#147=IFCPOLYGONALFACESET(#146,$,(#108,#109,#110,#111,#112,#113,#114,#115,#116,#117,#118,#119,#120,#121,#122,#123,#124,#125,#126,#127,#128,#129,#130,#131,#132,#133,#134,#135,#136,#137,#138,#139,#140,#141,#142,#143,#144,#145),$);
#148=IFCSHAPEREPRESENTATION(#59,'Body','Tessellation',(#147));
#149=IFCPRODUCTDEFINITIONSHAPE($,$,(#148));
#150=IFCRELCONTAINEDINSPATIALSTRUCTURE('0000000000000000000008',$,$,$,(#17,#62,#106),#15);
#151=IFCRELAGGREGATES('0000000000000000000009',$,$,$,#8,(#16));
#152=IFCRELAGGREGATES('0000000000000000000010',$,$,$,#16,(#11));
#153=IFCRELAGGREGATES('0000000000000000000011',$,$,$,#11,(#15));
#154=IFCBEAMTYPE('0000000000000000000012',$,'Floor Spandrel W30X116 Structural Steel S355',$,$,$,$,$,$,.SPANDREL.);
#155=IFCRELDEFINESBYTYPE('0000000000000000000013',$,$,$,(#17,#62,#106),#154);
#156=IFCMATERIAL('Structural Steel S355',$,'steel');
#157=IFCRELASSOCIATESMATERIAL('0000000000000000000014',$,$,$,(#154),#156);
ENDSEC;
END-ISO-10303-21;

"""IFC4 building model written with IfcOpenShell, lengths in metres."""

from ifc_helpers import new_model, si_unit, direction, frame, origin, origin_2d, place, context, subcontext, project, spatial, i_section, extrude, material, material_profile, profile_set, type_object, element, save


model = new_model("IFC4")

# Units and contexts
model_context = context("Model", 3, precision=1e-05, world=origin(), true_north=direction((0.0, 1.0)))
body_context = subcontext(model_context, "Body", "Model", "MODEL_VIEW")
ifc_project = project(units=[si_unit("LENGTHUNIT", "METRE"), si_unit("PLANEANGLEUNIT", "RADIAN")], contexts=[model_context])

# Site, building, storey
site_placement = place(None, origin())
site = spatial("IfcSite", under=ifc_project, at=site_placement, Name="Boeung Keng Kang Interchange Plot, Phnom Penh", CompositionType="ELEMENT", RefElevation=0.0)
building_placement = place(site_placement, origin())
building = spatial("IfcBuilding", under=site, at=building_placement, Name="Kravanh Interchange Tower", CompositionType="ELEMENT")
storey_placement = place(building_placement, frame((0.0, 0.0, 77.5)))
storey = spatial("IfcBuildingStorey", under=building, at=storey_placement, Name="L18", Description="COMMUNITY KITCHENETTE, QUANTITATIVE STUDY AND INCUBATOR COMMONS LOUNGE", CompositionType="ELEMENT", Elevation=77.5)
■ ■ ■
§ TASK TO CARRY OUT
Read through the lines above and collect those that contain the string "Interchange".

§ RESPONSE BOX
site = spatial("IfcSite", under=ifc_project, at=site_placement, Name="Boeung Keng Kang Interchange Plot, Phnom Penh", CompositionType="ELEMENT", RefElevation=0.0)
building = spatial("IfcBuilding", under=site, at=building_placement, Name="Kravanh Interchange Tower", CompositionType="ELEMENT")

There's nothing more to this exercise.